- [Required work]
State the number of lines in these records that include the word "what", and add nothing to it.

- [Exercise inputs]
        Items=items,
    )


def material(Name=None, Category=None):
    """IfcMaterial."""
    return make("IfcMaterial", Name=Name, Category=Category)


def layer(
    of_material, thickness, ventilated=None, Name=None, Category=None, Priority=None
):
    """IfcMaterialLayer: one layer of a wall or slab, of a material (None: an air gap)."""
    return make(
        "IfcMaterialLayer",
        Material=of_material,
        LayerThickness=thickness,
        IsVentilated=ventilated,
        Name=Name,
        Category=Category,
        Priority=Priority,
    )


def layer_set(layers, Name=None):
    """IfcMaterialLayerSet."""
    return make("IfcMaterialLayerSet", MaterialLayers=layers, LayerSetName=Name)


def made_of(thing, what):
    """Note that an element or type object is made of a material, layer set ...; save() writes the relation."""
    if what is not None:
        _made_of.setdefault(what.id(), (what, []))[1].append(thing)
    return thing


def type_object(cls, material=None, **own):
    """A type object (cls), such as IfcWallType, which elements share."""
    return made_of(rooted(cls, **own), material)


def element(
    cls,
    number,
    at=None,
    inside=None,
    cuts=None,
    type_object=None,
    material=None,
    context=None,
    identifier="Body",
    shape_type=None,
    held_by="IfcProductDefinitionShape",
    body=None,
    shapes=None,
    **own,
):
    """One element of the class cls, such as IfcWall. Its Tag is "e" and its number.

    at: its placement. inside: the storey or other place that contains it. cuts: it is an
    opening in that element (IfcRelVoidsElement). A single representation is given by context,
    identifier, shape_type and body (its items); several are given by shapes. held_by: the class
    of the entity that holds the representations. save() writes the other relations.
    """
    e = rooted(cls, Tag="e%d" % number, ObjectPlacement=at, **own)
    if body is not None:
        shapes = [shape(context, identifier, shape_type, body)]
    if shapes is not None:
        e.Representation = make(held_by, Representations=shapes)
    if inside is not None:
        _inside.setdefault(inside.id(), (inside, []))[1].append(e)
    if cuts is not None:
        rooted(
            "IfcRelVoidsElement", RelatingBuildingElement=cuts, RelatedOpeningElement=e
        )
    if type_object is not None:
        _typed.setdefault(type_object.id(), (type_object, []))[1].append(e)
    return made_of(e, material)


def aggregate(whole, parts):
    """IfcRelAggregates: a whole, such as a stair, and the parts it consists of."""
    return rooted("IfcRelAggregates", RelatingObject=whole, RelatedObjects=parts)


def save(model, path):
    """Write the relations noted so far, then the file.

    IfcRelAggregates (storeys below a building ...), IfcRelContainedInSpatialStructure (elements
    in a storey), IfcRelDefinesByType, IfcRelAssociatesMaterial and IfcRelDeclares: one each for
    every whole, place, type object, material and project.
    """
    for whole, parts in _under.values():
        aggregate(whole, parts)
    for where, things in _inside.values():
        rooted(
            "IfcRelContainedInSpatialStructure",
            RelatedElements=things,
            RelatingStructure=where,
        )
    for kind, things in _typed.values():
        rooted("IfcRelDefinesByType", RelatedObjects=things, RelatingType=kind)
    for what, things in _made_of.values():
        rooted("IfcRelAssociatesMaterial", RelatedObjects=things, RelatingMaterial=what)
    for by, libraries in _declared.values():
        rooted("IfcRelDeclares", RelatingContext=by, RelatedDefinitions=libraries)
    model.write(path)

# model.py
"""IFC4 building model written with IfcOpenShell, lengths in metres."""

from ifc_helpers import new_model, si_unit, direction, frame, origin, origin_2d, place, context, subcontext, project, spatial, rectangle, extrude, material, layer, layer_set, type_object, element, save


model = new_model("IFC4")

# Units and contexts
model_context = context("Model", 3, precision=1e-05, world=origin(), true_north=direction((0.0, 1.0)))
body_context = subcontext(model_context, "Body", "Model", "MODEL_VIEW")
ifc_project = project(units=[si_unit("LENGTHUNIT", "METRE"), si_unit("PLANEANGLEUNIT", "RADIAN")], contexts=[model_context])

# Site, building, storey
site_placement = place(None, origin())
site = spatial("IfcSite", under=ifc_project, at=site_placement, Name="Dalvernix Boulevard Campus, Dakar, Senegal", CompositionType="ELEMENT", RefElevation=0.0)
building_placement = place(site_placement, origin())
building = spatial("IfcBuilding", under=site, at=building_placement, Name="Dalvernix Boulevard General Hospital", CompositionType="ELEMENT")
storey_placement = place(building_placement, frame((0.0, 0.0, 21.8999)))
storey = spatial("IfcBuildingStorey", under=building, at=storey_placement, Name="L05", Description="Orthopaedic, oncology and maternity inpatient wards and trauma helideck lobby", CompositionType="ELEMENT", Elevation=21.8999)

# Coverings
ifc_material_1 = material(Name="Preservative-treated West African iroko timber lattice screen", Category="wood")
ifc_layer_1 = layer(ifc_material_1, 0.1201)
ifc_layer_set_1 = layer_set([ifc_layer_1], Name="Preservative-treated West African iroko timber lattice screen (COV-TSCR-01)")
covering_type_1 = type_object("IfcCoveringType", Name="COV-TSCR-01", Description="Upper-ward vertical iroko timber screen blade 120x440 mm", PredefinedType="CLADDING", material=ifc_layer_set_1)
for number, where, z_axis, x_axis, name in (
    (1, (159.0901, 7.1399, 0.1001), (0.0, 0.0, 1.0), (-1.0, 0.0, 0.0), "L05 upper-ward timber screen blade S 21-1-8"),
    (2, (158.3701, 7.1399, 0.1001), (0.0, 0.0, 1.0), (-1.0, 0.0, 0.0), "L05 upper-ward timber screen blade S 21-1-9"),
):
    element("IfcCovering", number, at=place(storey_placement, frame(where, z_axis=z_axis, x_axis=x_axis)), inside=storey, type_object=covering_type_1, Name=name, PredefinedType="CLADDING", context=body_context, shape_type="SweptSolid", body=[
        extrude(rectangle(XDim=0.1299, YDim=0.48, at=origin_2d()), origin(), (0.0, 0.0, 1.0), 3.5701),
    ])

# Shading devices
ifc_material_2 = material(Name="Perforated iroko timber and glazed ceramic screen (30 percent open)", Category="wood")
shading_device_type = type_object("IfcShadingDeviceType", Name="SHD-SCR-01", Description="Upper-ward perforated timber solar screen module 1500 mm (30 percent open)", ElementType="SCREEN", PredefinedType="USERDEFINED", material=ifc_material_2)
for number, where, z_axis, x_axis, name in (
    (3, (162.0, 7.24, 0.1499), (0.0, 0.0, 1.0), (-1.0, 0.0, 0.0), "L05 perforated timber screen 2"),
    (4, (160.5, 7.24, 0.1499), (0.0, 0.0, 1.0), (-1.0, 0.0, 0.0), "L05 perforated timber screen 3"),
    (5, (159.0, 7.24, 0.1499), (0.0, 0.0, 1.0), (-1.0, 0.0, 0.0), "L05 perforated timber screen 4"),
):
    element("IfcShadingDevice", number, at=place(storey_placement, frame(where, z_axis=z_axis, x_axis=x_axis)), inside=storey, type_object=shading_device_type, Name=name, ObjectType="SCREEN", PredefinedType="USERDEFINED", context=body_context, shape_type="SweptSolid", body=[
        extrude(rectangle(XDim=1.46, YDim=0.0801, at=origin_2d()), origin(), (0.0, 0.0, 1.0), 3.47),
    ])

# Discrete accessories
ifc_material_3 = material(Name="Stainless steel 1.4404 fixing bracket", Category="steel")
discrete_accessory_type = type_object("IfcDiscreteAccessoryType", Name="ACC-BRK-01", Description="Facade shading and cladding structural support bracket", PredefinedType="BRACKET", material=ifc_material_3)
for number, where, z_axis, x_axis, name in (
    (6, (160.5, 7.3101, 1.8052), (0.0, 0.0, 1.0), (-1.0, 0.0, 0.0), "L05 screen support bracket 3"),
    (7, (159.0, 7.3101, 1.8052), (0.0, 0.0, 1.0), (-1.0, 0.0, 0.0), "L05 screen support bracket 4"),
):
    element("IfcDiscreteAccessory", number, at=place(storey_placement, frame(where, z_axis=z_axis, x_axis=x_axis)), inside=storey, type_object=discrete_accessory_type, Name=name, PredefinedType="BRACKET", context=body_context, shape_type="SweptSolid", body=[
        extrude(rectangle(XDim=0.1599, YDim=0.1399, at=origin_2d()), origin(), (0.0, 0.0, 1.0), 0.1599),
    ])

- [Task response]
5